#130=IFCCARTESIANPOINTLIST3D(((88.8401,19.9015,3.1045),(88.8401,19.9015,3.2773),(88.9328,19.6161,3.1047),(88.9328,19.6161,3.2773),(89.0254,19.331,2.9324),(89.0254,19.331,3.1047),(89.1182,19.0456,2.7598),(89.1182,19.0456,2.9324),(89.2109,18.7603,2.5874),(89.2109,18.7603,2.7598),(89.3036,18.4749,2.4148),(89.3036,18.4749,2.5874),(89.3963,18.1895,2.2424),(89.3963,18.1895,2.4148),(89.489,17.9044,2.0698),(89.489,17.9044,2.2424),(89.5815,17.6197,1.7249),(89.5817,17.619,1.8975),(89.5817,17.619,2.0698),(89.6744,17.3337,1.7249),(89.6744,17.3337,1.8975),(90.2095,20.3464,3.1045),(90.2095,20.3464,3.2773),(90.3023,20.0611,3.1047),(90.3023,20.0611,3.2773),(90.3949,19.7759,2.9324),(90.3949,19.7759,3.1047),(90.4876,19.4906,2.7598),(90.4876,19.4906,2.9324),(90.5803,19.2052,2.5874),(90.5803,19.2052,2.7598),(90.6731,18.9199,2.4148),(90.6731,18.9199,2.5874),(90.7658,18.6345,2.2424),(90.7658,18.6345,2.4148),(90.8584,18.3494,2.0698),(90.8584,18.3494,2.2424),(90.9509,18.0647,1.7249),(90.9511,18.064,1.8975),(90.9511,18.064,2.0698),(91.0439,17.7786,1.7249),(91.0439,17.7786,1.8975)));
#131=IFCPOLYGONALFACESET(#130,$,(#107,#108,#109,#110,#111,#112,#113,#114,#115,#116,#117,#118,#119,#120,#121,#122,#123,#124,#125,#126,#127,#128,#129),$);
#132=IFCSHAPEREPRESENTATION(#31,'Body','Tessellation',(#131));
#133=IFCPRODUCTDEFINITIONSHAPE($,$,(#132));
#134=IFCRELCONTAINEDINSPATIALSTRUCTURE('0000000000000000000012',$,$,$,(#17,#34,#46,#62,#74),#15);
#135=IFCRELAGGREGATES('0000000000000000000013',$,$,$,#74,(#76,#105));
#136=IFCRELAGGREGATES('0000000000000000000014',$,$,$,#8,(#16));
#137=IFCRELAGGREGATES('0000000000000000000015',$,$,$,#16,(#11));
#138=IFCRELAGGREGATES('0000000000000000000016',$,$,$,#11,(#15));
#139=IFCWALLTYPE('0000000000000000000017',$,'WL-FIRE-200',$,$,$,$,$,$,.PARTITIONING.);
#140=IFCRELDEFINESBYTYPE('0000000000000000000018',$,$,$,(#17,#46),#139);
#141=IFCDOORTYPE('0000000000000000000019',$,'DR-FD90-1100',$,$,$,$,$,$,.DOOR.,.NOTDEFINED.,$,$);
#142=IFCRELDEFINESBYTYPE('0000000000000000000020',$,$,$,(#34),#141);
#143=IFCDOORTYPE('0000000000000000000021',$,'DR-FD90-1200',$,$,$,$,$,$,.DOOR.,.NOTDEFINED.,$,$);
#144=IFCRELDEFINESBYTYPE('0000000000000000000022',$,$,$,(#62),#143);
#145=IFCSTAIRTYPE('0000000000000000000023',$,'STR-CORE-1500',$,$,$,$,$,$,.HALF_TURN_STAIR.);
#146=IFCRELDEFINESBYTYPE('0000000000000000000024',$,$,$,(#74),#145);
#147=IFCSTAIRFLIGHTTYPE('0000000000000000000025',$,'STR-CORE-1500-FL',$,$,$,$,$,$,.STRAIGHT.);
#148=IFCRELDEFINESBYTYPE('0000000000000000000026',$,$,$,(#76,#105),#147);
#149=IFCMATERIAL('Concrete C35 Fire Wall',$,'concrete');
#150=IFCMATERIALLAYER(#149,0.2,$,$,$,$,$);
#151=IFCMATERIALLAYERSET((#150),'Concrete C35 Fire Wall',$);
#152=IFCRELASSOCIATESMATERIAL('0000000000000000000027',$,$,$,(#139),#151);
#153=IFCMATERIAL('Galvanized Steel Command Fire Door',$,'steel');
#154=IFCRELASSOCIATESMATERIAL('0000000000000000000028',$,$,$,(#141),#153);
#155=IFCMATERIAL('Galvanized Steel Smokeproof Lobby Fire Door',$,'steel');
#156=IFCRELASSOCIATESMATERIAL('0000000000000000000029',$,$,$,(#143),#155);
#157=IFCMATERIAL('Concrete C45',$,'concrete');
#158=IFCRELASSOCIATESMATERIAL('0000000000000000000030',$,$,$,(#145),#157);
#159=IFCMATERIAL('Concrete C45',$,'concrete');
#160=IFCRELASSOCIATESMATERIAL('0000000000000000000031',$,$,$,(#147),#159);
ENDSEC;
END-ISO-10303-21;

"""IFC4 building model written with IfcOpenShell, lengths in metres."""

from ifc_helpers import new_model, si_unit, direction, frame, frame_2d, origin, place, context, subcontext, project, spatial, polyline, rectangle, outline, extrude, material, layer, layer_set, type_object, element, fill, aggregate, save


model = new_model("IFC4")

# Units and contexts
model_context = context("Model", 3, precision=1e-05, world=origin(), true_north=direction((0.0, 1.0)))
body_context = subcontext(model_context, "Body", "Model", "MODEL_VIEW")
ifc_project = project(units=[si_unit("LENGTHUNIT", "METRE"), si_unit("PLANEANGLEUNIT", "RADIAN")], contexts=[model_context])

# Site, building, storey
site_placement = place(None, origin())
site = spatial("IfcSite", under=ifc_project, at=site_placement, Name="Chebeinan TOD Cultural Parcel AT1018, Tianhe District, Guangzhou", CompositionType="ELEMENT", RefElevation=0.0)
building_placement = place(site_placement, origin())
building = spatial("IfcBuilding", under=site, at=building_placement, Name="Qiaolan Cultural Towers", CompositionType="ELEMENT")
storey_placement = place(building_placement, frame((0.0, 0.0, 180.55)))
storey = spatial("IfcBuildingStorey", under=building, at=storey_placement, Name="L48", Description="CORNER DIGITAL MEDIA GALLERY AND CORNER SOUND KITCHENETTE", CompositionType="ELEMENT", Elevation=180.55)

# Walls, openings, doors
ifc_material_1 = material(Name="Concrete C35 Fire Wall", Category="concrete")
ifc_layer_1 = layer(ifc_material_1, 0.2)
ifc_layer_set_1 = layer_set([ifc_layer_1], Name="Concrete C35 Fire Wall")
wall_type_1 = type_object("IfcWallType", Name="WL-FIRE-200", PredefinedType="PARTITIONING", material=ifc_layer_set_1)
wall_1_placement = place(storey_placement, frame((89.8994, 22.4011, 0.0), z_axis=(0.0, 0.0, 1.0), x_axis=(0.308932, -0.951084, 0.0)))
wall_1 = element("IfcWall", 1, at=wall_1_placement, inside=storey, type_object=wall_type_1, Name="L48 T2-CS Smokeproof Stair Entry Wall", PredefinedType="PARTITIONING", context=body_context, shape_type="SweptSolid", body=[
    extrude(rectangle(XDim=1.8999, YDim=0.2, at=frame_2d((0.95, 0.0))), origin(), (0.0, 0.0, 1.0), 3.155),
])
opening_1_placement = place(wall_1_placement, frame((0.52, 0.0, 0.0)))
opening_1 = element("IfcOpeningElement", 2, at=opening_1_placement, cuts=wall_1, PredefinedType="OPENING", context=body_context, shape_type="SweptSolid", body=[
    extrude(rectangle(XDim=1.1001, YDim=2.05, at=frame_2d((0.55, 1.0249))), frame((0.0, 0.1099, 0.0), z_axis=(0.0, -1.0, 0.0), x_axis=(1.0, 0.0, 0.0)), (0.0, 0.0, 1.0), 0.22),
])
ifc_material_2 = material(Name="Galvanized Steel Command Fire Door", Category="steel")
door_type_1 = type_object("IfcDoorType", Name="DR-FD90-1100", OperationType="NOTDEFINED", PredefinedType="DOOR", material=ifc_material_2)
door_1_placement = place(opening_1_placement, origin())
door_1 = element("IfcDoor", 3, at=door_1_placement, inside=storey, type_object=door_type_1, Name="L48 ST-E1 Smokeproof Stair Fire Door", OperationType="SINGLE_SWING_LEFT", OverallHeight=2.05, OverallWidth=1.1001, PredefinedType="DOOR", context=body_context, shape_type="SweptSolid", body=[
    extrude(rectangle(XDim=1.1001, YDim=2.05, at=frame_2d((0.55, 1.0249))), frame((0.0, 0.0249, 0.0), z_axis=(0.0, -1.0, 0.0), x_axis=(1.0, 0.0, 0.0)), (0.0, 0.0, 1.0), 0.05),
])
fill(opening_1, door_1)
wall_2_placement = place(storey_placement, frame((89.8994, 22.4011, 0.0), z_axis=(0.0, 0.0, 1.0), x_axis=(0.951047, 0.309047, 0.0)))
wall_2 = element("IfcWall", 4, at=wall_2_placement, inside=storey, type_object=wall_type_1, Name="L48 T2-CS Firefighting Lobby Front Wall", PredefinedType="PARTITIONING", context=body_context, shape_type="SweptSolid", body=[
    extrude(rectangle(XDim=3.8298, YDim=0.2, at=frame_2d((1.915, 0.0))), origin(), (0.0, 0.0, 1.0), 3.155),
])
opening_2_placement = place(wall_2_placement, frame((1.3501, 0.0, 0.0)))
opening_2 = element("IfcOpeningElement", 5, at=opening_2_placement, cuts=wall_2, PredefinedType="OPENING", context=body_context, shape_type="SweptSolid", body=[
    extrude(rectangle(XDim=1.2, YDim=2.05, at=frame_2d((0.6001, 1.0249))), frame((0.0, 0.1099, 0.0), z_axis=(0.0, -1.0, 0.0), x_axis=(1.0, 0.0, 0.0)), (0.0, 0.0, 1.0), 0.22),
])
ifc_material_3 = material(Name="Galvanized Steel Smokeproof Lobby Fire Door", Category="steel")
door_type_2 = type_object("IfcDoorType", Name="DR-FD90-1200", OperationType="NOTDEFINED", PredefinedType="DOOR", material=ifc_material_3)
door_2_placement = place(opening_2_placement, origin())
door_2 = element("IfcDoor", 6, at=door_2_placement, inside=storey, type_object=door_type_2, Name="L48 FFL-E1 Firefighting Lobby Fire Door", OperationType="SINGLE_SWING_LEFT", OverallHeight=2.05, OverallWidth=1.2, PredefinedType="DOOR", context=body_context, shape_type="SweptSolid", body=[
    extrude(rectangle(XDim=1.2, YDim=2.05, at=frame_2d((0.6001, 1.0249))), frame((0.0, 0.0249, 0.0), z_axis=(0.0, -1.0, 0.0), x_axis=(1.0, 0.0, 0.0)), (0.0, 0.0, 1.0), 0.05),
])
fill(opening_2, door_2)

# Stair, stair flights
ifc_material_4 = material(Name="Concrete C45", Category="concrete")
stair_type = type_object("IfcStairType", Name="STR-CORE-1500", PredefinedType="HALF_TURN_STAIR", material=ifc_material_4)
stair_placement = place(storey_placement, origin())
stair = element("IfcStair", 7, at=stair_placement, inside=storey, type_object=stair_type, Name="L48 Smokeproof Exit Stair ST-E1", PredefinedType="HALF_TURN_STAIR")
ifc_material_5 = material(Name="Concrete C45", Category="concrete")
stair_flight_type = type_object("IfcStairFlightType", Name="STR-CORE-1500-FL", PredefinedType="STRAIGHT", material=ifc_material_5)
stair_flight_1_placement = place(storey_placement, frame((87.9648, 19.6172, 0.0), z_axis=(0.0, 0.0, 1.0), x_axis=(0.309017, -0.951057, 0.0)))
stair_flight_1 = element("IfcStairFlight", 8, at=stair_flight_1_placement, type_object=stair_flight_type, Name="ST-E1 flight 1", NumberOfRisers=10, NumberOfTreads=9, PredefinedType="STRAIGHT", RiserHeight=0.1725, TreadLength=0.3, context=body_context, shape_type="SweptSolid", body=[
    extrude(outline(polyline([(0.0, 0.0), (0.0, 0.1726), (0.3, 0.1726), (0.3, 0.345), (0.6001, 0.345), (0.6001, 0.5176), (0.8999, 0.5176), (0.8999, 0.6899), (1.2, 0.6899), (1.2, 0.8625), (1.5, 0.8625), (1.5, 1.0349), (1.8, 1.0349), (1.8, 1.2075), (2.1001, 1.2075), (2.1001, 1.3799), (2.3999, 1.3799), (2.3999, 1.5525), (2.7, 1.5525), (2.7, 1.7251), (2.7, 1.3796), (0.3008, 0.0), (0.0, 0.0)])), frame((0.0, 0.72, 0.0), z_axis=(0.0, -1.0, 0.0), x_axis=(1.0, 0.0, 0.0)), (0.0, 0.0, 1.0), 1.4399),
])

━━━

_Your goal_
Scan the records above and report how many lines include the word "subcontext", without any other text.

_Completed task_
2